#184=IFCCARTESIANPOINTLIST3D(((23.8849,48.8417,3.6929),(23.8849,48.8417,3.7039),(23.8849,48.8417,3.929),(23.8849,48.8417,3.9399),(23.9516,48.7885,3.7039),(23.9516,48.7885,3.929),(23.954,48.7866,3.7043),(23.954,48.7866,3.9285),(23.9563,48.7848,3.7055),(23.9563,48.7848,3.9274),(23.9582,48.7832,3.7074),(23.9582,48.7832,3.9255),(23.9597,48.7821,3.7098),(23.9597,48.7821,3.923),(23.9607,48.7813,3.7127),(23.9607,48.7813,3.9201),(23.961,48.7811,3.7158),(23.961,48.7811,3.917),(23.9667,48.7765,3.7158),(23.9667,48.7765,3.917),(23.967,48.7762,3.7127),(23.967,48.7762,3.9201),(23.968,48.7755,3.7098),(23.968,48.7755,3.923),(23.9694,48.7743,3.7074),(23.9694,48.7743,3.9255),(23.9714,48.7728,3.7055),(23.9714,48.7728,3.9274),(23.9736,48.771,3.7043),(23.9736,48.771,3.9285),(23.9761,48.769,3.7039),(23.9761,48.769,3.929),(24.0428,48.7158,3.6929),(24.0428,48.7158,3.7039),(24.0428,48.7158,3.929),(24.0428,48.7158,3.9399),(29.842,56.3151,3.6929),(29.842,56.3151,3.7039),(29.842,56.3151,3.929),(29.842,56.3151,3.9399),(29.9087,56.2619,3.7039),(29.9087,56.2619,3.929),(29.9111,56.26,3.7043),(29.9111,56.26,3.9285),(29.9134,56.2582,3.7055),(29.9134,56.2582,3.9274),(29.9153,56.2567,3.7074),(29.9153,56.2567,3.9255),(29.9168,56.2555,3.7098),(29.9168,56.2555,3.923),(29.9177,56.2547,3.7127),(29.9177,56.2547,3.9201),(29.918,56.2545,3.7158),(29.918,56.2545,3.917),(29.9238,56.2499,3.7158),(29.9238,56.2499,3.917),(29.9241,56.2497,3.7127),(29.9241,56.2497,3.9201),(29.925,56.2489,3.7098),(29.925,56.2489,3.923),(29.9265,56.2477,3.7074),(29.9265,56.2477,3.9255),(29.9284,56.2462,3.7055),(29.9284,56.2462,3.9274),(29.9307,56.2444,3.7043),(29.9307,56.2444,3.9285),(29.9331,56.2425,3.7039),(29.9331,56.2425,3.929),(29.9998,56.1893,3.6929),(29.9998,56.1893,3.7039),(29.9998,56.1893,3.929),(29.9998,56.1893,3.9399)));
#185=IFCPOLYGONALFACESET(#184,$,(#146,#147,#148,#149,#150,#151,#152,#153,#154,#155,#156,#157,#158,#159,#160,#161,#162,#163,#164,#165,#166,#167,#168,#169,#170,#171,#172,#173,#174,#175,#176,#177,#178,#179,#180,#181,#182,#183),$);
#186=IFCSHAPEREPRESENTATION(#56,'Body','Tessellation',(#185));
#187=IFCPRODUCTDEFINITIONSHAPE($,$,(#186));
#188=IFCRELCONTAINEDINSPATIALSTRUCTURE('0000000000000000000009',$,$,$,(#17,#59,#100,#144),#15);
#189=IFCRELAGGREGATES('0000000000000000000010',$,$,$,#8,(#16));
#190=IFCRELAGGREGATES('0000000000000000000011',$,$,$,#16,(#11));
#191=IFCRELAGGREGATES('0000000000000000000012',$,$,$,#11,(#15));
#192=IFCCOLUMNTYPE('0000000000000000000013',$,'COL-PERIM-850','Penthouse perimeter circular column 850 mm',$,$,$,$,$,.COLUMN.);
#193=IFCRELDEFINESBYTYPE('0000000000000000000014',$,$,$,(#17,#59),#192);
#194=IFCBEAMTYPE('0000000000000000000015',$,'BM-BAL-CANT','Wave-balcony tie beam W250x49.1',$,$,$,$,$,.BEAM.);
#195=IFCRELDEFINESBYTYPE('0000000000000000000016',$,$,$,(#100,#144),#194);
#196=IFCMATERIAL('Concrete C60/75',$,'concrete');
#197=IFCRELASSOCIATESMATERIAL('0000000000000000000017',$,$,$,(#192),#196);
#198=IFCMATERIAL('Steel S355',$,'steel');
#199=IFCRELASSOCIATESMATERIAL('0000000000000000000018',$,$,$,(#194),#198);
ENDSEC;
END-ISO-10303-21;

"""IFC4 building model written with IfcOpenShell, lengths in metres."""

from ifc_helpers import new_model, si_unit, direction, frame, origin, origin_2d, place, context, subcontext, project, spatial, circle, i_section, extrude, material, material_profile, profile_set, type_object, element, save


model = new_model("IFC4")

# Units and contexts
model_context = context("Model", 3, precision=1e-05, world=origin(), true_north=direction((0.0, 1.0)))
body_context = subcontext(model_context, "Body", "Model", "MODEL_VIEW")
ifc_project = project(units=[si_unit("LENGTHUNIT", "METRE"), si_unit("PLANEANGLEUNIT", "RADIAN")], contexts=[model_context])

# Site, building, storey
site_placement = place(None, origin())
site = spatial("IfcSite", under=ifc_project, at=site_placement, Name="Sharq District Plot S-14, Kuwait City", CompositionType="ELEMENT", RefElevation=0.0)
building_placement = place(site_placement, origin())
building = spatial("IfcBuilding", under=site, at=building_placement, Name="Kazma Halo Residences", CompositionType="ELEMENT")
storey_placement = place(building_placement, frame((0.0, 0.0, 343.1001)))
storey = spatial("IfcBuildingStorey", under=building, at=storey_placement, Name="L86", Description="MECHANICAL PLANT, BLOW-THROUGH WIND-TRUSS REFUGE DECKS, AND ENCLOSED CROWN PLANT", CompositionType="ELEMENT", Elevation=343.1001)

→ WHAT TO WORK ON: Count every line in the preceding entries where the string "direction" appears, then state only the total.

→ PROBLEM SOLUTION: 2